Exercise instructions:
Copy the entries exactly, leaving out nothing.

START Raw data

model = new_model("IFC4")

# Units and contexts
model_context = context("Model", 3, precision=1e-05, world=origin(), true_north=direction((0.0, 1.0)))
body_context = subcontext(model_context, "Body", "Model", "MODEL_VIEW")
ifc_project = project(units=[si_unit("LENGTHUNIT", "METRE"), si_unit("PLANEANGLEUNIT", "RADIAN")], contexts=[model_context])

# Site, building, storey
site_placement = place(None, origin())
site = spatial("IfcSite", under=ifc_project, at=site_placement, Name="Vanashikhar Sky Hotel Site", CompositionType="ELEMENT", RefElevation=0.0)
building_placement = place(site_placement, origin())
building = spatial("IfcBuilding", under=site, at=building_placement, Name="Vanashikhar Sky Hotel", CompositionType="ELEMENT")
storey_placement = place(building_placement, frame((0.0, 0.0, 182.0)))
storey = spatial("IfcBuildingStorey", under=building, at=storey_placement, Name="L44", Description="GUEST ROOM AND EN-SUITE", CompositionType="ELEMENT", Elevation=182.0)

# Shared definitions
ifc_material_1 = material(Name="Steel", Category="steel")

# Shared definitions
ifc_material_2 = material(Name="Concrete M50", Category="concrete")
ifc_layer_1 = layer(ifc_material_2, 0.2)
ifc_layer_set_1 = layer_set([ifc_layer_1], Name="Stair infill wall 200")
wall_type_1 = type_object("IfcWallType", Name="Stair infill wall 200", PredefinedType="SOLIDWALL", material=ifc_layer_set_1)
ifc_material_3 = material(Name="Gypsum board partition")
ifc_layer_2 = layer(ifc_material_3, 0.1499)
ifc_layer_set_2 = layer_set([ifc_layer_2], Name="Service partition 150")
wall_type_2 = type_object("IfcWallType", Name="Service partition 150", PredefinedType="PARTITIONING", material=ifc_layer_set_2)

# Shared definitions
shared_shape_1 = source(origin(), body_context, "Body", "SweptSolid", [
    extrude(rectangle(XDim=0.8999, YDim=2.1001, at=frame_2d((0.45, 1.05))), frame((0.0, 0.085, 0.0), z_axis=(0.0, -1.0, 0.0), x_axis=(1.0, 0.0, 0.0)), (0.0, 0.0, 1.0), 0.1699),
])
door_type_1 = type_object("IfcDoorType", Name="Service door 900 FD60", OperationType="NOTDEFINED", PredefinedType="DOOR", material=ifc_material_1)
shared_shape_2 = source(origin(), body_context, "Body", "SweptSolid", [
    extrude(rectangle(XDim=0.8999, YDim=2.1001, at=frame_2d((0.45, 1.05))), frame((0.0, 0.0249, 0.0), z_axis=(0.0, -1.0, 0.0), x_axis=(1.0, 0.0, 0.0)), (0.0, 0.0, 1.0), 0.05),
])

END Raw data

Written response:
model = new_model("IFC4")

# Units and contexts
model_context = context("Model", 3, precision=1e-05, world=origin(), true_north=direction((0.0, 1.0)))
body_context = subcontext(model_context, "Body", "Model", "MODEL_VIEW")
ifc_project = project(units=[si_unit("LENGTHUNIT", "METRE"), si_unit("PLANEANGLEUNIT", "RADIAN")], contexts=[model_context])

# Site, building, storey
site_placement = place(None, origin())
site = spatial("IfcSite", under=ifc_project, at=site_placement, Name="Vanashikhar Sky Hotel Site", CompositionType="ELEMENT", RefElevation=0.0)
building_placement = place(site_placement, origin())
building = spatial("IfcBuilding", under=site, at=building_placement, Name="Vanashikhar Sky Hotel", CompositionType="ELEMENT")
storey_placement = place(building_placement, frame((0.0, 0.0, 182.0)))
storey = spatial("IfcBuildingStorey", under=building, at=storey_placement, Name="L44", Description="GUEST ROOM AND EN-SUITE", CompositionType="ELEMENT", Elevation=182.0)

# Shared definitions
ifc_material_1 = material(Name="Steel", Category="steel")

# Shared definitions
ifc_material_2 = material(Name="Concrete M50", Category="concrete")
ifc_layer_1 = layer(ifc_material_2, 0.2)
ifc_layer_set_1 = layer_set([ifc_layer_1], Name="Stair infill wall 200")
wall_type_1 = type_object("IfcWallType", Name="Stair infill wall 200", PredefinedType="SOLIDWALL", material=ifc_layer_set_1)
ifc_material_3 = material(Name="Gypsum board partition")
ifc_layer_2 = layer(ifc_material_3, 0.1499)
ifc_layer_set_2 = layer_set([ifc_layer_2], Name="Service partition 150")
wall_type_2 = type_object("IfcWallType", Name="Service partition 150", PredefinedType="PARTITIONING", material=ifc_layer_set_2)

# Shared definitions
shared_shape_1 = source(origin(), body_context, "Body", "SweptSolid", [
    extrude(rectangle(XDim=0.8999, YDim=2.1001, at=frame_2d((0.45, 1.05))), frame((0.0, 0.085, 0.0), z_axis=(0.0, -1.0, 0.0), x_axis=(1.0, 0.0, 0.0)), (0.0, 0.0, 1.0), 0.1699),
])
door_type_1 = type_object("IfcDoorType", Name="Service door 900 FD60", OperationType="NOTDEFINED", PredefinedType="DOOR", material=ifc_material_1)
shared_shape_2 = source(origin(), body_context, "Body", "SweptSolid", [
    extrude(rectangle(XDim=0.8999, YDim=2.1001, at=frame_2d((0.45, 1.05))), frame((0.0, 0.0249, 0.0), z_axis=(0.0, -1.0, 0.0), x_axis=(1.0, 0.0, 0.0)), (0.0, 0.0, 1.0), 0.05),
])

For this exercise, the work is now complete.